- [Your instructions]
Give the number of lines in the records below that contain the word "STRAIGHT", and nothing more.

[Stored data]
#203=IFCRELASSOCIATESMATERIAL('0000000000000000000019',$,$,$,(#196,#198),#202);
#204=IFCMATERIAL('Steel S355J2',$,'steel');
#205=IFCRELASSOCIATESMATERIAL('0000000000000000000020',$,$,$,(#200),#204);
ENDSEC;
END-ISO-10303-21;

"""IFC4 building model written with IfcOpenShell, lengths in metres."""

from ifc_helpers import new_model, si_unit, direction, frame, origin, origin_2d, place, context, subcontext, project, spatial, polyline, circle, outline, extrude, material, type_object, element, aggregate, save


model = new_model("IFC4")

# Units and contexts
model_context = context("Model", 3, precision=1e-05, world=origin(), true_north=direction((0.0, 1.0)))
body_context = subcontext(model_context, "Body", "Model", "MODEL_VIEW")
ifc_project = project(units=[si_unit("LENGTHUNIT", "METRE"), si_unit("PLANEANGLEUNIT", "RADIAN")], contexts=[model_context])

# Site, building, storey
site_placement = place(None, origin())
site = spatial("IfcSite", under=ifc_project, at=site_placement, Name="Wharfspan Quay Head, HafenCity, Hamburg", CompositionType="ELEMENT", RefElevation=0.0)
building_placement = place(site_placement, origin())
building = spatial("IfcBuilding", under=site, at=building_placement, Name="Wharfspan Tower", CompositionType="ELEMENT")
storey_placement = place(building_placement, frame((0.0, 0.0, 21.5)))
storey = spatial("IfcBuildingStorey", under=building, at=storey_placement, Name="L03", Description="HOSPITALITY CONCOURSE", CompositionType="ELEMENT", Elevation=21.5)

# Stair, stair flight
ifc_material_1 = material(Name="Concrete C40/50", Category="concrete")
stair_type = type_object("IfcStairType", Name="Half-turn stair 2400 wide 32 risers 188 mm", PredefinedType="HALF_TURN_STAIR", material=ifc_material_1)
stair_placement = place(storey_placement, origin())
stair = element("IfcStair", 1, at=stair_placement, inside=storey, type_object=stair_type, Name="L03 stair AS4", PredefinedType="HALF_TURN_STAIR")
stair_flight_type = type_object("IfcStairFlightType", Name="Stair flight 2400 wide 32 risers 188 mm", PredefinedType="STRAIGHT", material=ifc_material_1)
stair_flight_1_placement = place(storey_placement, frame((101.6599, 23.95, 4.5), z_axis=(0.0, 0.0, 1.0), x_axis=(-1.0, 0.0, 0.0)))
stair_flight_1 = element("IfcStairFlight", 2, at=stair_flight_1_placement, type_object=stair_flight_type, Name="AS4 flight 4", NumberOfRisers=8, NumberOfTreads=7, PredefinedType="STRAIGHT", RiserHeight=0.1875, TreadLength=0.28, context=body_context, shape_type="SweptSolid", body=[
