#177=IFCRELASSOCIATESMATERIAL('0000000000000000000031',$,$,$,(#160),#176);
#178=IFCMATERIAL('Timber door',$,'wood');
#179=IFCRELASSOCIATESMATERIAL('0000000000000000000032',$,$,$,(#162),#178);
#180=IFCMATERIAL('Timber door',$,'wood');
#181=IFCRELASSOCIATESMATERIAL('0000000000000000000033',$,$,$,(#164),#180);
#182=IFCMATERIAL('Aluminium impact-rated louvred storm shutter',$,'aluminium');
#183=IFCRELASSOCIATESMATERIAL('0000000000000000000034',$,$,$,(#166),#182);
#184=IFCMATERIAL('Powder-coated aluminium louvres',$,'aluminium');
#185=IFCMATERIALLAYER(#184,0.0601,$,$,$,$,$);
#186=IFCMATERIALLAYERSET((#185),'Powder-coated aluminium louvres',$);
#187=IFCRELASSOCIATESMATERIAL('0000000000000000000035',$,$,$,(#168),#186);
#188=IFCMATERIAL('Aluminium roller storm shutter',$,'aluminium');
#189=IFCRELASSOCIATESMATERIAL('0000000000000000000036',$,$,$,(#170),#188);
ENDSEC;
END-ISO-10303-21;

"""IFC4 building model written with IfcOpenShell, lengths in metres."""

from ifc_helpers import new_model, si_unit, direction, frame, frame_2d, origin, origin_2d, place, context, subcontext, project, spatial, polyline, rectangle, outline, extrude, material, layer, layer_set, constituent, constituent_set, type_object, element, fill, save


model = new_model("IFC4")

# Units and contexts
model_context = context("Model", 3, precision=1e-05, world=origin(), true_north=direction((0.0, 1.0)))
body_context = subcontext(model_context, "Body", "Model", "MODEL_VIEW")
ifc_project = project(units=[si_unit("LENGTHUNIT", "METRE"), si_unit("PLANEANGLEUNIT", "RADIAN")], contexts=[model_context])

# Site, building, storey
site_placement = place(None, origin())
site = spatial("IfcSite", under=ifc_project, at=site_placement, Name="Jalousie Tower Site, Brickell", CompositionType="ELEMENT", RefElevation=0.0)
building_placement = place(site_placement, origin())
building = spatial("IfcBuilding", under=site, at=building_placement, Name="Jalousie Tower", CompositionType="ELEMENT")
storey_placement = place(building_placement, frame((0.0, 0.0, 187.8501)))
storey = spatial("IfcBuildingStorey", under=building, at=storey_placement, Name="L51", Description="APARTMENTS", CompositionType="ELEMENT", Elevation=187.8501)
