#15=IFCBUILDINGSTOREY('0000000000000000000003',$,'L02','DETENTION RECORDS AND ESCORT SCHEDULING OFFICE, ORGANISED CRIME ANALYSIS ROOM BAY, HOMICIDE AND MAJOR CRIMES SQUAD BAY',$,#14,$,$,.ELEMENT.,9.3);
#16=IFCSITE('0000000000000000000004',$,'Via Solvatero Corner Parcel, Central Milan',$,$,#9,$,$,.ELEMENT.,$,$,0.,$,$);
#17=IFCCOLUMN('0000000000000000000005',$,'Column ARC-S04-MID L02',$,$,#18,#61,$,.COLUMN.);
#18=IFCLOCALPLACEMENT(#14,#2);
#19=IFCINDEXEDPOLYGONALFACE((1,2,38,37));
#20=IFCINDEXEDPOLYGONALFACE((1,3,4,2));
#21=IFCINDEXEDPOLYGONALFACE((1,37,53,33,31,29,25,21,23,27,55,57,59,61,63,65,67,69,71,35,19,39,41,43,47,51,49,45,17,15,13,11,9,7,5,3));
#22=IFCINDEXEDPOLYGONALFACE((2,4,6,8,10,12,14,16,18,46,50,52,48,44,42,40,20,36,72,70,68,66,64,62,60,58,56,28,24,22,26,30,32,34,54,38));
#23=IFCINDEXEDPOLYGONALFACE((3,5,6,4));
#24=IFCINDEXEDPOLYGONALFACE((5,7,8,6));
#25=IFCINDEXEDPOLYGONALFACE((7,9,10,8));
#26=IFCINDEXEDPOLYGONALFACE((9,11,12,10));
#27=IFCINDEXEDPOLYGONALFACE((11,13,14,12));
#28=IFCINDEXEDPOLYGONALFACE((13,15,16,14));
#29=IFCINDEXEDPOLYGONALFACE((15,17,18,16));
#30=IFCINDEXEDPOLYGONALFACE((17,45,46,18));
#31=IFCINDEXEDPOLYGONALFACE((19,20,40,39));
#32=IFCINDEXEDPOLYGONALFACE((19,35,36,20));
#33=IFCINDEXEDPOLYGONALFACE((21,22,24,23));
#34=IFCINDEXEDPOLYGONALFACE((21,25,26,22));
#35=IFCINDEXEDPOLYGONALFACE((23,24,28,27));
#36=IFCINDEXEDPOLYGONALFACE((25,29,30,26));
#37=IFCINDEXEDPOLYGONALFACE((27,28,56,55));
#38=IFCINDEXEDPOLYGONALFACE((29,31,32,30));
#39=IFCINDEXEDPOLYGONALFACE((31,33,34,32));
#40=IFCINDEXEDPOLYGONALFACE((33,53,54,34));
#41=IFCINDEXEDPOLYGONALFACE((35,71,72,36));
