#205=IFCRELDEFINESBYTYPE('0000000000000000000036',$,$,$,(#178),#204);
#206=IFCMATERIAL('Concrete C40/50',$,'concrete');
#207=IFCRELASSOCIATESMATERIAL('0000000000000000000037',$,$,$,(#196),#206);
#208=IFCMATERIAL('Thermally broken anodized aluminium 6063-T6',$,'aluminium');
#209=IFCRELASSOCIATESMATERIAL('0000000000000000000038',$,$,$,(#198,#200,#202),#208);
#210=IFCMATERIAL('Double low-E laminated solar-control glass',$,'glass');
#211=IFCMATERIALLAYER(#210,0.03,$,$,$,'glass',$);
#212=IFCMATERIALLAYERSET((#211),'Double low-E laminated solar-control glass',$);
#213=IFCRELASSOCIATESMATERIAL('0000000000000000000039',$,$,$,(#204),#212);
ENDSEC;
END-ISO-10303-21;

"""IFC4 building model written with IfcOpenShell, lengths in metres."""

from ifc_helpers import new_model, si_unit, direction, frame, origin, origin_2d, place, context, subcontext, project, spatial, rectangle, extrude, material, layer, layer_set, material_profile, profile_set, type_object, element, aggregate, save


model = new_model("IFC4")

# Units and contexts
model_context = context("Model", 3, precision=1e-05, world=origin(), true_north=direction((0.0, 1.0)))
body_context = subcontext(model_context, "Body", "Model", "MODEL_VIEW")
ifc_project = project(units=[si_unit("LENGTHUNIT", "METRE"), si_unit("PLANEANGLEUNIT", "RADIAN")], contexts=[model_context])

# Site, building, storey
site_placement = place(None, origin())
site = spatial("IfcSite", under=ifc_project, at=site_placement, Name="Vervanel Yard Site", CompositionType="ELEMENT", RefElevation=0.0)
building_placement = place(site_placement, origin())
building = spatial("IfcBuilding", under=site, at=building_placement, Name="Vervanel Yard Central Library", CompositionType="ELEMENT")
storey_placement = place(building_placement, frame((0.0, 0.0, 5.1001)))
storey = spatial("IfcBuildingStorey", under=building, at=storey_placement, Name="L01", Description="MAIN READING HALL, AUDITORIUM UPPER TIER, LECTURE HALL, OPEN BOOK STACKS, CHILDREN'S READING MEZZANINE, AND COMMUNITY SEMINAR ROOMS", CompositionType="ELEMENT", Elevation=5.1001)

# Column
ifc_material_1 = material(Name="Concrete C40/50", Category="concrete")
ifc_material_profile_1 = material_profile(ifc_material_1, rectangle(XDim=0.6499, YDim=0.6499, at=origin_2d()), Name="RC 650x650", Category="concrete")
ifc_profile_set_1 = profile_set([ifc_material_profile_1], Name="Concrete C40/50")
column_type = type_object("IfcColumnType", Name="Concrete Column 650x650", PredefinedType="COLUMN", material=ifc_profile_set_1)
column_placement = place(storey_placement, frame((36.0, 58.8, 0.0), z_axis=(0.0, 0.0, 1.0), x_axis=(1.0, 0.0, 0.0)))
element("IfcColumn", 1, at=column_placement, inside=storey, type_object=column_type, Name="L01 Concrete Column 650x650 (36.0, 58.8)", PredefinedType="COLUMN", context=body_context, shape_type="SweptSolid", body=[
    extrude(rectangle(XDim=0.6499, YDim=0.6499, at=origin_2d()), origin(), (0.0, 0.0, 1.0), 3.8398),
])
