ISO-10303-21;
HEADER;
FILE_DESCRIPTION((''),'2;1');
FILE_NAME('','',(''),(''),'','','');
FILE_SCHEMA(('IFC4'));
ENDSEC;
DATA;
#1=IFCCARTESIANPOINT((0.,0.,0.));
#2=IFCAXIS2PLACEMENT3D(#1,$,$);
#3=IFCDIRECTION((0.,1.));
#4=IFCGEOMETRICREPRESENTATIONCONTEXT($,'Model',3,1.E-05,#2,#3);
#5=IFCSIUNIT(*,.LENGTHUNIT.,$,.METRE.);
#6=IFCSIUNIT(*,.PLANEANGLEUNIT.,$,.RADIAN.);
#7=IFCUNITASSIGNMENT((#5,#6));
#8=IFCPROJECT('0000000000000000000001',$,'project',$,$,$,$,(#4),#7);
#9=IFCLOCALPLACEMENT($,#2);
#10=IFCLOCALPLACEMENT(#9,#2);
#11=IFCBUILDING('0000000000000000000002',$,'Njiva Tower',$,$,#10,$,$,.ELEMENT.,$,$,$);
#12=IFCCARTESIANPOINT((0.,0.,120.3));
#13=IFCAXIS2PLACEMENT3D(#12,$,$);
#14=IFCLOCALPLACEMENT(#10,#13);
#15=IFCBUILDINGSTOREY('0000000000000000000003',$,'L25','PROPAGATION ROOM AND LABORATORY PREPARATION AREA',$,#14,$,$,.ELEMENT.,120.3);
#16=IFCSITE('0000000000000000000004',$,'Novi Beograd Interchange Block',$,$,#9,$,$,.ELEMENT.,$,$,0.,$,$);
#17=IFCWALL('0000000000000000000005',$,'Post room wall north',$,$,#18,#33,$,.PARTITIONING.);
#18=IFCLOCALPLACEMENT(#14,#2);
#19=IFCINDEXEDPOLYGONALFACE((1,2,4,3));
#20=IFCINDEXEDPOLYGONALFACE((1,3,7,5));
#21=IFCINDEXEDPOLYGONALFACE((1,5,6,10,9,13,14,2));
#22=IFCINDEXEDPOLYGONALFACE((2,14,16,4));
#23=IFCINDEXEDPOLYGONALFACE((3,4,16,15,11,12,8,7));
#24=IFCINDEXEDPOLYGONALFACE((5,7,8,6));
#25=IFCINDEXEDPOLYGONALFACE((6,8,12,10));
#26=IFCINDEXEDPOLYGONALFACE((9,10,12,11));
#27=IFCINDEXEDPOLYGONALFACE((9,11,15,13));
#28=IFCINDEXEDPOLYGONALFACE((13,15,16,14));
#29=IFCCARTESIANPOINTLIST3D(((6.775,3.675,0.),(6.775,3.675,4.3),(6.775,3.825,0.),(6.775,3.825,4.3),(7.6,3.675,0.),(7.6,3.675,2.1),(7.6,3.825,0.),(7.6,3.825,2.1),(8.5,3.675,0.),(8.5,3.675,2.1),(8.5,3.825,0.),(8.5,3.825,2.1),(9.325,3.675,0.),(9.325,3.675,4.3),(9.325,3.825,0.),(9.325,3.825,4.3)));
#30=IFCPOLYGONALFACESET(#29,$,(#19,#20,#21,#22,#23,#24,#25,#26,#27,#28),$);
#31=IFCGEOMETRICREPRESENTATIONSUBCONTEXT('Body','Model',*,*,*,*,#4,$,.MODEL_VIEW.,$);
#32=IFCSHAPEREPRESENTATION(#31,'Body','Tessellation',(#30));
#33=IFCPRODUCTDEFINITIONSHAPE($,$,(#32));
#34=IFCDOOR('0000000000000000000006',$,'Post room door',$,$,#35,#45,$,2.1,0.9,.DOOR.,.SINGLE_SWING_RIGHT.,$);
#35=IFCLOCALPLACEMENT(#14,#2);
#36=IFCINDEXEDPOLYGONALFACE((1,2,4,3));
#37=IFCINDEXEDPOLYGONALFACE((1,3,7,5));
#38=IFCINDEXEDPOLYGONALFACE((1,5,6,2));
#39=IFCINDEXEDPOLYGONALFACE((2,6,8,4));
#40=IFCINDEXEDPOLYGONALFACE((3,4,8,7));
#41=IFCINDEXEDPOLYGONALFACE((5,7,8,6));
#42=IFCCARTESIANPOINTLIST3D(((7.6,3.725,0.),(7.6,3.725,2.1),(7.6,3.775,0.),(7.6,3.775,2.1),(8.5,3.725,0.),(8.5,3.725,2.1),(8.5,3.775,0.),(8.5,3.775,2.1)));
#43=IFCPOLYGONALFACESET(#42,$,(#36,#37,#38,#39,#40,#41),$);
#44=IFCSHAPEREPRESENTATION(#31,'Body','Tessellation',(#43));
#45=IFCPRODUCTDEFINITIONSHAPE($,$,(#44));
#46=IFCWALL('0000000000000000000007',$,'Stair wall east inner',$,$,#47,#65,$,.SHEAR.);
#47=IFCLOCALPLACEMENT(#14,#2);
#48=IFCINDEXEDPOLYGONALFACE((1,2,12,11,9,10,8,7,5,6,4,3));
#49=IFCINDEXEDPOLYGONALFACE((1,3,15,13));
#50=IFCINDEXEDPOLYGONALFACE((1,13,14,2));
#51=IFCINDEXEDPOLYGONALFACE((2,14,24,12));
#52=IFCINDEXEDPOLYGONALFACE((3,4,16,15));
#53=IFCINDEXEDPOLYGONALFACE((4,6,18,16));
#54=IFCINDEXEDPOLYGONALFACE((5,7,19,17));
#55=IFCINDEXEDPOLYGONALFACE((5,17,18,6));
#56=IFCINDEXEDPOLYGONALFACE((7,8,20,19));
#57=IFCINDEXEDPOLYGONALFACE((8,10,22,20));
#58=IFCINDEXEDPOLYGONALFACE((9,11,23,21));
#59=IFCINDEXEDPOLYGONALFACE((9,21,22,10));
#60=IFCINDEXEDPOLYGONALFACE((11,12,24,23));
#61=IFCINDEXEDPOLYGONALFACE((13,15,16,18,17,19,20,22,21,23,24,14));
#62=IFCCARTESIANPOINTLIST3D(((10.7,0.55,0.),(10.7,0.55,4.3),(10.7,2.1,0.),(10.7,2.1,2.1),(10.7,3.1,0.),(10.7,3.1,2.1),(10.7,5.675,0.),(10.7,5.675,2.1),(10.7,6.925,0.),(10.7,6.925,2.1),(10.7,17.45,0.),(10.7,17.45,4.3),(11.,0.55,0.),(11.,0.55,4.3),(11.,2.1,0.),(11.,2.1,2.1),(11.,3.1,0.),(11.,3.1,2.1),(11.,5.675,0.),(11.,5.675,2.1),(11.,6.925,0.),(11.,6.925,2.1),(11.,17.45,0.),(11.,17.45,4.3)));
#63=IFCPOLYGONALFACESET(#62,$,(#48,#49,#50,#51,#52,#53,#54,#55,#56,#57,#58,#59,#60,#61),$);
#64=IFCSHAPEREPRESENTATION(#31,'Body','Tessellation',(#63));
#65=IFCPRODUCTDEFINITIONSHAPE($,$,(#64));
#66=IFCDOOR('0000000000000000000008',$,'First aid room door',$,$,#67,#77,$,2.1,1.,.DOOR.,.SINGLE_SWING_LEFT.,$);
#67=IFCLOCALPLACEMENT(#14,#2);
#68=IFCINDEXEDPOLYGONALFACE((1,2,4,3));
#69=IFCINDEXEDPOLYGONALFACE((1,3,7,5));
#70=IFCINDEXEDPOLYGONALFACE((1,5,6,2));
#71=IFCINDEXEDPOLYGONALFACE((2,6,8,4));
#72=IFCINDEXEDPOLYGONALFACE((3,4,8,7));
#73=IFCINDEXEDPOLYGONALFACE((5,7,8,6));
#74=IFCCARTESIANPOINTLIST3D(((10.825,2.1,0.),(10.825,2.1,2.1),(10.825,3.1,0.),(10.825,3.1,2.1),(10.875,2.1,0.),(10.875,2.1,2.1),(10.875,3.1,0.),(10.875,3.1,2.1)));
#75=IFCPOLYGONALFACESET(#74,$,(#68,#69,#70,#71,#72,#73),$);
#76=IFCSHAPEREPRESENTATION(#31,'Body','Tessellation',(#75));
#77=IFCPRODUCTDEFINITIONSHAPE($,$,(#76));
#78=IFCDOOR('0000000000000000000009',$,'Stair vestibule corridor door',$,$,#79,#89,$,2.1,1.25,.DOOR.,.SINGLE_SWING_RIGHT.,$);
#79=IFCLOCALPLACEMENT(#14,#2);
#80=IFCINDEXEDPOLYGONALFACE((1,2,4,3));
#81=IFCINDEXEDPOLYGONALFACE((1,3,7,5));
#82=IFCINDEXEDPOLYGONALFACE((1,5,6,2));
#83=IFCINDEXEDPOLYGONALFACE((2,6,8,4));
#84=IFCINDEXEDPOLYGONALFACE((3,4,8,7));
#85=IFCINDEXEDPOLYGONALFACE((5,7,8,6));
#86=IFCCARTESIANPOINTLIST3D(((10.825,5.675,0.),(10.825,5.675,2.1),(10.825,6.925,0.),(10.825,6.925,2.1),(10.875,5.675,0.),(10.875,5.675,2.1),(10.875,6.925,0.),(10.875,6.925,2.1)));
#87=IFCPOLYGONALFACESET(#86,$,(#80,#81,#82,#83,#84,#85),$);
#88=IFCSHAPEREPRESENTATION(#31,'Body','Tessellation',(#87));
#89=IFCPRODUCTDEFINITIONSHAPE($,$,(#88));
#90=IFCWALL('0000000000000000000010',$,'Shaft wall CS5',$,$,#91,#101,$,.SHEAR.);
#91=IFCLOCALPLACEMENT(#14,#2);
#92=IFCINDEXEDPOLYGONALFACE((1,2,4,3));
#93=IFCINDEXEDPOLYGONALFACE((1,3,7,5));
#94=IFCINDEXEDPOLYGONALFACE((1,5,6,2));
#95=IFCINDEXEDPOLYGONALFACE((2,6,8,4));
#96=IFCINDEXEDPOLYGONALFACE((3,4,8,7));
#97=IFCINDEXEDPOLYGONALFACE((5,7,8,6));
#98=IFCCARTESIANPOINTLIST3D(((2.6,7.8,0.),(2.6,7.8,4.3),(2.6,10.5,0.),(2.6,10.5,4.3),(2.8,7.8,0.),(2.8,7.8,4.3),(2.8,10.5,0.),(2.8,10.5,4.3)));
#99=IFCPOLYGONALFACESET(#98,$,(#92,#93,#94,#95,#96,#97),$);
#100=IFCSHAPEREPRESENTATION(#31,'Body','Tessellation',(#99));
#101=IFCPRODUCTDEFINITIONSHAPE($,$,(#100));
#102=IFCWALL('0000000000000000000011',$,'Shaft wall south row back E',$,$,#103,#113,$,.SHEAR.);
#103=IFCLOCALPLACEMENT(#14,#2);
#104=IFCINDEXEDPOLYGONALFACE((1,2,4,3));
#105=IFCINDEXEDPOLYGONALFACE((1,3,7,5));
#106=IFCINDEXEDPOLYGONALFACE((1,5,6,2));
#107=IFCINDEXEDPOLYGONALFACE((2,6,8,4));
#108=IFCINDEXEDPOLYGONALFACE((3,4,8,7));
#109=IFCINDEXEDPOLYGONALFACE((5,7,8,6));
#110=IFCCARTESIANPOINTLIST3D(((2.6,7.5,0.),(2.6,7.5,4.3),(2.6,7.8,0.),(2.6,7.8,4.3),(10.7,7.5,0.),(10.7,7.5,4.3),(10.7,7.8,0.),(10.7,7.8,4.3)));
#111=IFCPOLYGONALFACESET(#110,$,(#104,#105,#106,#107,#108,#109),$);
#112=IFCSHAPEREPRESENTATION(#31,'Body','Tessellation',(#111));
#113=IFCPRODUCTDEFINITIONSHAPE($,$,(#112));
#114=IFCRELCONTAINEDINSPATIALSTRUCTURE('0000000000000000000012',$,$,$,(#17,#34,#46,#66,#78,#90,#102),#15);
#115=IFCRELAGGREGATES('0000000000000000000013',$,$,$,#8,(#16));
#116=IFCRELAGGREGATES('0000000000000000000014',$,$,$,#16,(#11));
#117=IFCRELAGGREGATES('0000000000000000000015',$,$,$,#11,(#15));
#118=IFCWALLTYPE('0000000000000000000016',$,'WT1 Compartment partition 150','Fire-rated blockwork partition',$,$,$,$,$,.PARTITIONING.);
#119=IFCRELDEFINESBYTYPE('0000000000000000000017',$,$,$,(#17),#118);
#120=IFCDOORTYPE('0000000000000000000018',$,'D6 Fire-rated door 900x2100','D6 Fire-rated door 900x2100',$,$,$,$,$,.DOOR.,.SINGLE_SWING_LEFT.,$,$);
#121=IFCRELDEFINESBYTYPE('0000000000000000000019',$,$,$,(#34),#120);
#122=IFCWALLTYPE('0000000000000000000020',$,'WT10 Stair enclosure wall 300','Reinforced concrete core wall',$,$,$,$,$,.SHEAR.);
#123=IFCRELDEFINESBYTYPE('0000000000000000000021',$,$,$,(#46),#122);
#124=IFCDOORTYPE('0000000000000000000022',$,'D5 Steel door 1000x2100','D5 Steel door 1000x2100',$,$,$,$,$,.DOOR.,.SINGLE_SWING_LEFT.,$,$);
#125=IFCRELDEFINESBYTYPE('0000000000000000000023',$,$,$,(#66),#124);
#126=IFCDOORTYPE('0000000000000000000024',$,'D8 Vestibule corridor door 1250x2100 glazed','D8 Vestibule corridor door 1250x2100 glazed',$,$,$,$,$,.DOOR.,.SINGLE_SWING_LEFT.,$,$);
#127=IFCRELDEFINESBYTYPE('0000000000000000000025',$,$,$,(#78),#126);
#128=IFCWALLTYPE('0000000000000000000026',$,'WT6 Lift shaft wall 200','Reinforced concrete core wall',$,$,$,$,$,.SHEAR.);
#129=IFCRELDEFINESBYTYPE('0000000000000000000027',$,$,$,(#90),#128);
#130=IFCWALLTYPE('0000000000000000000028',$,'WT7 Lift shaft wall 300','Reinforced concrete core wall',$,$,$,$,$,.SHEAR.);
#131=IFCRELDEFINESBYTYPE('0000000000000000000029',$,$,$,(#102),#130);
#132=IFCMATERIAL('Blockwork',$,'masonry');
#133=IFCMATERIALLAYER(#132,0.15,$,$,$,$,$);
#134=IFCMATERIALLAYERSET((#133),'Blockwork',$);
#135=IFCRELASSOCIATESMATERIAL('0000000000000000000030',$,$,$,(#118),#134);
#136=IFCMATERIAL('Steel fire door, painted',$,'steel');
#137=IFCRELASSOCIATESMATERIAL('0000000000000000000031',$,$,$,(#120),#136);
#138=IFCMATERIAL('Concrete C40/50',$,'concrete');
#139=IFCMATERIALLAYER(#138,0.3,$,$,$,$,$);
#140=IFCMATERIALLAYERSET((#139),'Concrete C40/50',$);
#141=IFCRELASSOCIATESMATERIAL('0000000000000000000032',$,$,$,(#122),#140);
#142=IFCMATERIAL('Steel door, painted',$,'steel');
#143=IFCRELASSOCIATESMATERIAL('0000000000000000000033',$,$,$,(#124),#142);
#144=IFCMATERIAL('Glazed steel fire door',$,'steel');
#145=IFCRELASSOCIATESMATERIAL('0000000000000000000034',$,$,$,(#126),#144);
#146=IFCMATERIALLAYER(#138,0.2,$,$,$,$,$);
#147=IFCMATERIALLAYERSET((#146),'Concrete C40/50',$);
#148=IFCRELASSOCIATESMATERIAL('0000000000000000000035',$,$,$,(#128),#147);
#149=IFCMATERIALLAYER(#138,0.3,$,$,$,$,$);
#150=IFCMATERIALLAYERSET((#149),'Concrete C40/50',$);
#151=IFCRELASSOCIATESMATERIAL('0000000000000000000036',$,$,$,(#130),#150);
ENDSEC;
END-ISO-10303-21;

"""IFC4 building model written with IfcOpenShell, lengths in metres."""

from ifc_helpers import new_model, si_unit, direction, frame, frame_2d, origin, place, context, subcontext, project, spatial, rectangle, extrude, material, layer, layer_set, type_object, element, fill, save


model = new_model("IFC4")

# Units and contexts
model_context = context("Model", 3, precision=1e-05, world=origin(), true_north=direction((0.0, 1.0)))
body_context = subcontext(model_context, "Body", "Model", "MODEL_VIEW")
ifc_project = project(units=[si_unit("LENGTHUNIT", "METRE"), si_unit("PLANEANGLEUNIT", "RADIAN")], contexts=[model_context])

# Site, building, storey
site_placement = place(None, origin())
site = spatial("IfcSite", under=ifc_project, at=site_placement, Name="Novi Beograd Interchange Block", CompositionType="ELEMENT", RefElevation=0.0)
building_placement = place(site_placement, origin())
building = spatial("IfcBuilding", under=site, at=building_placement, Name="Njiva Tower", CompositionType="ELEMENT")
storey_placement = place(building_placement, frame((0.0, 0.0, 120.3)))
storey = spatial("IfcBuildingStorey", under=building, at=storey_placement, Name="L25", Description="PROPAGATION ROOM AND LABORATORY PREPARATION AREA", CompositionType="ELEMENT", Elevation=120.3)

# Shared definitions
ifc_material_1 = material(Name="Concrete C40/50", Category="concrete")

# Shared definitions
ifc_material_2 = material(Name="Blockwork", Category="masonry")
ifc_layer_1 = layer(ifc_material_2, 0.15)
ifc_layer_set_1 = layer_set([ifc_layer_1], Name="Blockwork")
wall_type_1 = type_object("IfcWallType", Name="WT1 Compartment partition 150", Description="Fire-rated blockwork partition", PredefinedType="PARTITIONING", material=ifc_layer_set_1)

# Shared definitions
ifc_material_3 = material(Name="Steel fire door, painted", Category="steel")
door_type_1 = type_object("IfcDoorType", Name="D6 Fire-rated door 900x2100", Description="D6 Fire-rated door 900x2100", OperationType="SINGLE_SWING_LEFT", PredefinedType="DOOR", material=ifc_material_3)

- [Solution for this exercise]
2